START DATASET

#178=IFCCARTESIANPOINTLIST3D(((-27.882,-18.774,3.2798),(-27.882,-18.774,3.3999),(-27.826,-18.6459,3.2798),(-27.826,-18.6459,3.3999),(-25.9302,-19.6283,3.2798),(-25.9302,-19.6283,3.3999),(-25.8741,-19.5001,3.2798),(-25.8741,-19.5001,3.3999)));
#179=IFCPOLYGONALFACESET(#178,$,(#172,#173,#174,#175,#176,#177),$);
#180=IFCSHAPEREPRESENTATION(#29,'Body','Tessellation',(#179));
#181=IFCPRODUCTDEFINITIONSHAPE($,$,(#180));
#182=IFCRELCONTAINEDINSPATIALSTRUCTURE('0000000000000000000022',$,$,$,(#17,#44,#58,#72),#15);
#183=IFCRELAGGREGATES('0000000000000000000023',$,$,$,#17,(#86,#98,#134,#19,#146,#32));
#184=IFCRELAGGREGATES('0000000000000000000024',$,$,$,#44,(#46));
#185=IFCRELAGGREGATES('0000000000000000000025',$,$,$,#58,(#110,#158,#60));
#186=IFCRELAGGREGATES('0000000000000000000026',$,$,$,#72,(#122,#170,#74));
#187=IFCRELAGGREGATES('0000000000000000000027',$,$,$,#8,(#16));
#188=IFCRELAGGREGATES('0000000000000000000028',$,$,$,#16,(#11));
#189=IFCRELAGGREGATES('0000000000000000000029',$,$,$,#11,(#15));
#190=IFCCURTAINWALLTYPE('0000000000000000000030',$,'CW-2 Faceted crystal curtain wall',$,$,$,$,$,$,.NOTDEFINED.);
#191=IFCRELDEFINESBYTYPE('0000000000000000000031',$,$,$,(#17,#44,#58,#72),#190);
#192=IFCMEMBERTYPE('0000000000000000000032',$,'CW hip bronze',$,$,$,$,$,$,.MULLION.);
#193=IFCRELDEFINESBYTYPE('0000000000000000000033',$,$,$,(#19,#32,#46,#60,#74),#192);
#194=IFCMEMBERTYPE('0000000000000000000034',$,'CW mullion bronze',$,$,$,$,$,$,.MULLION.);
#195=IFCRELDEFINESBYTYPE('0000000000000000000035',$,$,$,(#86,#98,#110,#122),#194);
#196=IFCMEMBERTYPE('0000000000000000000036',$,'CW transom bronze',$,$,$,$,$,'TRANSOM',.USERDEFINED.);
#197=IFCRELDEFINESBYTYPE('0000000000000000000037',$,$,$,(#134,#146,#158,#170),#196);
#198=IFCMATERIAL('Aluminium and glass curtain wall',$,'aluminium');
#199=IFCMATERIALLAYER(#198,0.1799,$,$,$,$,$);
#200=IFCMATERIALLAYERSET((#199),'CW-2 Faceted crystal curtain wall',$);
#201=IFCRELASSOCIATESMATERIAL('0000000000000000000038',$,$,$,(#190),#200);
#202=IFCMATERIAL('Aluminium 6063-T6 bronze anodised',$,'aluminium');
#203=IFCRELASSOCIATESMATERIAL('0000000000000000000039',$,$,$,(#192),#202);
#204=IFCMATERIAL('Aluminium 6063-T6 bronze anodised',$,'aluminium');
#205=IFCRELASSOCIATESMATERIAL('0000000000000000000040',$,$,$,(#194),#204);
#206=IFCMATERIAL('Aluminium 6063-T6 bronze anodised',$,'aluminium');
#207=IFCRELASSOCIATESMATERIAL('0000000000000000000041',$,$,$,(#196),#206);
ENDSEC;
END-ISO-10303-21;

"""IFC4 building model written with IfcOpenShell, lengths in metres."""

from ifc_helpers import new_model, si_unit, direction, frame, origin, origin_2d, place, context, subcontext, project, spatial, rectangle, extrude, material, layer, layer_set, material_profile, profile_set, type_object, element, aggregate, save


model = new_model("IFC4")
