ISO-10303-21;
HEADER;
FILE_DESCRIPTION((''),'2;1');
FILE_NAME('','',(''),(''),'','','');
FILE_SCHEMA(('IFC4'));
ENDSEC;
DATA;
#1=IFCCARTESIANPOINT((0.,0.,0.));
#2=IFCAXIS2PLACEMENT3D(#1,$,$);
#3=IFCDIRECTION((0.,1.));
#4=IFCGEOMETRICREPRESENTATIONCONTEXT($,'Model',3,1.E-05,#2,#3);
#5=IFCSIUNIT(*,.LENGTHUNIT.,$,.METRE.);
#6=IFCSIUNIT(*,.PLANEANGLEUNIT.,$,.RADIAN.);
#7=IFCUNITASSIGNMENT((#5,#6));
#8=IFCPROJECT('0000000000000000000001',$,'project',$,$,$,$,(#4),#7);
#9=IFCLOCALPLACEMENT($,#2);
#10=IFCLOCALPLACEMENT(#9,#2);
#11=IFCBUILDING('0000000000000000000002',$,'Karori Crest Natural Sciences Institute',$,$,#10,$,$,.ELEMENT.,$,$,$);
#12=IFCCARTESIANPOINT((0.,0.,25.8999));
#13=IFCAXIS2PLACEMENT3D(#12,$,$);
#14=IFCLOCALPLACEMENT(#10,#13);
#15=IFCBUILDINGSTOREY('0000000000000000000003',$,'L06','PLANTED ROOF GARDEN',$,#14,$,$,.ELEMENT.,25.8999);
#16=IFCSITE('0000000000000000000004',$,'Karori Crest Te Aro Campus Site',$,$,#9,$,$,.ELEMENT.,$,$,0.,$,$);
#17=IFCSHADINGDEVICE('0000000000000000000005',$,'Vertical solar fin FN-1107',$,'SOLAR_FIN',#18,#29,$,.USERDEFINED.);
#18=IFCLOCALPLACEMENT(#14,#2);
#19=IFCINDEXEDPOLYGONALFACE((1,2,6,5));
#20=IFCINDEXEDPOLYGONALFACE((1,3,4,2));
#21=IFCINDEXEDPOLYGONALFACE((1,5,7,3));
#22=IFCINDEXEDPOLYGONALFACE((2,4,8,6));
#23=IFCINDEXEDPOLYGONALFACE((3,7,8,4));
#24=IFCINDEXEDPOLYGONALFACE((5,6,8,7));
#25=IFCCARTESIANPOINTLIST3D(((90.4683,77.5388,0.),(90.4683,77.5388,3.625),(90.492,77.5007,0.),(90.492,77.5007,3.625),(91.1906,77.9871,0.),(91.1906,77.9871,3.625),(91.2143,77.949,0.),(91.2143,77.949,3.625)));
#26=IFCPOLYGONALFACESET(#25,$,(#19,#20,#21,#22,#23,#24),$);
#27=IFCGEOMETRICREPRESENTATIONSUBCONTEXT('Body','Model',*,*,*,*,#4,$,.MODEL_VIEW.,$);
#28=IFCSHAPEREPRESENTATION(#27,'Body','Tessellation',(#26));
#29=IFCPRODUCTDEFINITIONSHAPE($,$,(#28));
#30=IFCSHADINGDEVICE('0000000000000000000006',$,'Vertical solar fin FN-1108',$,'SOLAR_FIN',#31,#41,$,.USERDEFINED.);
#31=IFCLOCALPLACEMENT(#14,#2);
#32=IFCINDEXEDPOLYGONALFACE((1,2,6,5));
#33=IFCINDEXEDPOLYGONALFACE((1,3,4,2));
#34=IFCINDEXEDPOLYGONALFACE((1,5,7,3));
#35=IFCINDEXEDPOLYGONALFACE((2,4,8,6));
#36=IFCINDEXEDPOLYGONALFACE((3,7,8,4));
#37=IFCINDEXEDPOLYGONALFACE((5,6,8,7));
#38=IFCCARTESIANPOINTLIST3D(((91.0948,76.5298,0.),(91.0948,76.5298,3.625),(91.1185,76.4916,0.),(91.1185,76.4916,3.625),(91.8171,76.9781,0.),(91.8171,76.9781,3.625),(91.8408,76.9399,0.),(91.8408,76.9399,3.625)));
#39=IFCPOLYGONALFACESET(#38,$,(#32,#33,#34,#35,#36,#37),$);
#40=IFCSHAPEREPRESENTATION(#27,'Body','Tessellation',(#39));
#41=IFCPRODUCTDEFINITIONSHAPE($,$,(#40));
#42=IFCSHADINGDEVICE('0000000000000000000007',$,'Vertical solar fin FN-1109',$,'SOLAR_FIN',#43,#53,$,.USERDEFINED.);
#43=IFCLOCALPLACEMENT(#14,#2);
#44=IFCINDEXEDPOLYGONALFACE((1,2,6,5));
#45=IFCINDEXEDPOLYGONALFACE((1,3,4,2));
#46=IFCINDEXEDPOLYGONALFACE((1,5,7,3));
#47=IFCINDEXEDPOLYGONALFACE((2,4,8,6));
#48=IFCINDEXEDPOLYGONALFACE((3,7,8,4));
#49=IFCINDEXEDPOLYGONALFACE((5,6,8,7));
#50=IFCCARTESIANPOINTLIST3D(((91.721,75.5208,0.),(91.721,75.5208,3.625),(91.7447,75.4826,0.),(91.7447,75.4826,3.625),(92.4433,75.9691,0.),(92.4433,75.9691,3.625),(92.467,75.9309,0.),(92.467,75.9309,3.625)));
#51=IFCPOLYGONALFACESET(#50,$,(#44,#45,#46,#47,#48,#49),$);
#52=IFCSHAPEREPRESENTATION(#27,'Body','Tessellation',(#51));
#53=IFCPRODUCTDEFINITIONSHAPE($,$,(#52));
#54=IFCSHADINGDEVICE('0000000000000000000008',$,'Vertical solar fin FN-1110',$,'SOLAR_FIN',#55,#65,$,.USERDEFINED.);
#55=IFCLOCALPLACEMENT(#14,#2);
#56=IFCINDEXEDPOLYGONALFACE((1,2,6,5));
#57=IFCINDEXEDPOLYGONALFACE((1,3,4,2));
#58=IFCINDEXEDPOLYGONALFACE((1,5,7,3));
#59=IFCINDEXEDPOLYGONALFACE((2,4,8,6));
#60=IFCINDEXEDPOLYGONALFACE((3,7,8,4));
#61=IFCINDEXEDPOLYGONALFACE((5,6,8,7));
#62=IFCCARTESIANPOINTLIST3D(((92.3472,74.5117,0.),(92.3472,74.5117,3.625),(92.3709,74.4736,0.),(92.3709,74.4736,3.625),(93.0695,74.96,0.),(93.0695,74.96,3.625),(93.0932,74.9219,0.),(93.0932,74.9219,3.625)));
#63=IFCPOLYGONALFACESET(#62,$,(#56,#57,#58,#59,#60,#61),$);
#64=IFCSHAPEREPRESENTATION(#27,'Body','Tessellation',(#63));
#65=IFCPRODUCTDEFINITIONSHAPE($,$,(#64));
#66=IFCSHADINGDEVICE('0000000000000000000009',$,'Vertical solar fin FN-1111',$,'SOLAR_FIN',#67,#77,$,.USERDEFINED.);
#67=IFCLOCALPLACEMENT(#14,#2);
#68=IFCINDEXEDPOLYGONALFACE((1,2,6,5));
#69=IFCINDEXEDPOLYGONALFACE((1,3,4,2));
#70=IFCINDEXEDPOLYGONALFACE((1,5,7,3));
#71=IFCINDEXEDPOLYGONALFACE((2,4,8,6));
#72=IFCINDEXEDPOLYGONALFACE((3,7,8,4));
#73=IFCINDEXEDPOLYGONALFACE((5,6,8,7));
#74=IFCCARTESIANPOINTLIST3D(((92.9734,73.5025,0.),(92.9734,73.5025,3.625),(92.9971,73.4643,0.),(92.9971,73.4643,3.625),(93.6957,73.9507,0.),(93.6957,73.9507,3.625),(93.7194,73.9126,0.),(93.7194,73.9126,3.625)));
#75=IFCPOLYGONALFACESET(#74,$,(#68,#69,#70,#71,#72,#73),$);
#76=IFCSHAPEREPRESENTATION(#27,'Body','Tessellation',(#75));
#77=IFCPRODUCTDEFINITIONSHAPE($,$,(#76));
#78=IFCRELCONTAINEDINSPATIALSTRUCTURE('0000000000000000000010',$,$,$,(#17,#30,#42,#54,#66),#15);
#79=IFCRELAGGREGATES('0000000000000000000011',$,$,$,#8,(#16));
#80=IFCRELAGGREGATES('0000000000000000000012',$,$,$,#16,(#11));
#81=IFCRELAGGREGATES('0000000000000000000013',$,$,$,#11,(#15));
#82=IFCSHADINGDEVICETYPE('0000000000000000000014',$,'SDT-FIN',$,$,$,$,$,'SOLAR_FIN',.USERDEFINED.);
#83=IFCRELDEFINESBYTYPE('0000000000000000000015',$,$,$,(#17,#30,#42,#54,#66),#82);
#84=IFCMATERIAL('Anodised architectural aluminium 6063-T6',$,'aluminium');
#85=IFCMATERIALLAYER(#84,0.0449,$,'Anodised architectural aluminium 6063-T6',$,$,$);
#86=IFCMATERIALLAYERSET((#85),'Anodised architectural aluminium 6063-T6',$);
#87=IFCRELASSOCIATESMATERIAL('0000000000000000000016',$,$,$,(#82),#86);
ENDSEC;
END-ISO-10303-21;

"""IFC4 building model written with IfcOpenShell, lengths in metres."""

from ifc_helpers import new_model, si_unit, direction, frame, origin, origin_2d, place, context, subcontext, project, spatial, rectangle, extrude, material, layer, layer_set, type_object, element, save


model = new_model("IFC4")

# Units and contexts
model_context = context("Model", 3, precision=1e-05, world=origin(), true_north=direction((0.0, 1.0)))
body_context = subcontext(model_context, "Body", "Model", "MODEL_VIEW")
ifc_project = project(units=[si_unit("LENGTHUNIT", "METRE"), si_unit("PLANEANGLEUNIT", "RADIAN")], contexts=[model_context])

# Site, building, storey
site_placement = place(None, origin())
site = spatial("IfcSite", under=ifc_project, at=site_placement, Name="Karori Crest Te Aro Campus Site", CompositionType="ELEMENT", RefElevation=0.0)
building_placement = place(site_placement, origin())
building = spatial("IfcBuilding", under=site, at=building_placement, Name="Karori Crest Natural Sciences Institute", CompositionType="ELEMENT")
storey_placement = place(building_placement, frame((0.0, 0.0, 25.8999)))
storey = spatial("IfcBuildingStorey", under=building, at=storey_placement, Name="L06", Description="PLANTED ROOF GARDEN", CompositionType="ELEMENT", Elevation=25.8999)

# Shared definitions
ifc_material_1 = material(Name="Anodised architectural aluminium 6063-T6", Category="aluminium")

# Shading devices
ifc_layer_1 = layer(ifc_material_1, 0.0449, Name="Anodised architectural aluminium 6063-T6")
ifc_layer_set_1 = layer_set([ifc_layer_1], Name="Anodised architectural aluminium 6063-T6")
shading_device_type = type_object("IfcShadingDeviceType", Name="SDT-FIN", ElementType="SOLAR_FIN", PredefinedType="USERDEFINED", material=ifc_layer_set_1)
for number, where, z_axis, x_axis, name in (
    (1, (90.8413, 77.7439, 0.0), (0.0, 0.0, 1.0), (0.849662, 0.527328, 0.0), "Vertical solar fin FN-1107"),
    (2, (91.4678, 76.7349, 0.0), (0.0, 0.0, 1.0), (0.849662, 0.527328, 0.0), "Vertical solar fin FN-1108"),
    (3, (92.094, 75.7258, 0.0), (0.0, 0.0, 1.0), (0.849662, 0.527328, 0.0), "Vertical solar fin FN-1109"),
    (4, (92.7202, 74.7168, 0.0), (0.0, 0.0, 1.0), (0.849662, 0.527328, 0.0), "Vertical solar fin FN-1110"),
    (5, (93.3464, 73.7075, 0.0), (0.0, 0.0, 1.0), (0.849662, 0.527328, 0.0), "Vertical solar fin FN-1111"),
):
    element("IfcShadingDevice", number, at=place(storey_placement, frame(where, z_axis=z_axis, x_axis=x_axis)), inside=storey, type_object=shading_device_type, Name=name, ObjectType="SOLAR_FIN", PredefinedType="USERDEFINED", context=body_context, shape_type="SweptSolid", body=[
        extrude(rectangle(XDim=0.8501, YDim=0.0449, at=origin_2d()), origin(), (0.0, 0.0, 1.0), 3.625),
    ])

save(model, "model.ifc")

END DATASET

__WORK TASK__. The range runs from the line above containing "#2=IFCAXIS2PLACEMENT3D(#1,$,$);" to the line containing "#14=IFCLOCALPLACEMENT(#10,#13);", inclusive. Restate those lines word for word and no others.

__TASK ANSWER__.
#2=IFCAXIS2PLACEMENT3D(#1,$,$);
#3=IFCDIRECTION((0.,1.));
#4=IFCGEOMETRICREPRESENTATIONCONTEXT($,'Model',3,1.E-05,#2,#3);
#5=IFCSIUNIT(*,.LENGTHUNIT.,$,.METRE.);
#6=IFCSIUNIT(*,.PLANEANGLEUNIT.,$,.RADIAN.);
#7=IFCUNITASSIGNMENT((#5,#6));
#8=IFCPROJECT('0000000000000000000001',$,'project',$,$,$,$,(#4),#7);
#9=IFCLOCALPLACEMENT($,#2);
#10=IFCLOCALPLACEMENT(#9,#2);
#11=IFCBUILDING('0000000000000000000002',$,'Karori Crest Natural Sciences Institute',$,$,#10,$,$,.ELEMENT.,$,$,$);
#12=IFCCARTESIANPOINT((0.,0.,25.8999));
#13=IFCAXIS2PLACEMENT3D(#12,$,$);
#14=IFCLOCALPLACEMENT(#10,#13);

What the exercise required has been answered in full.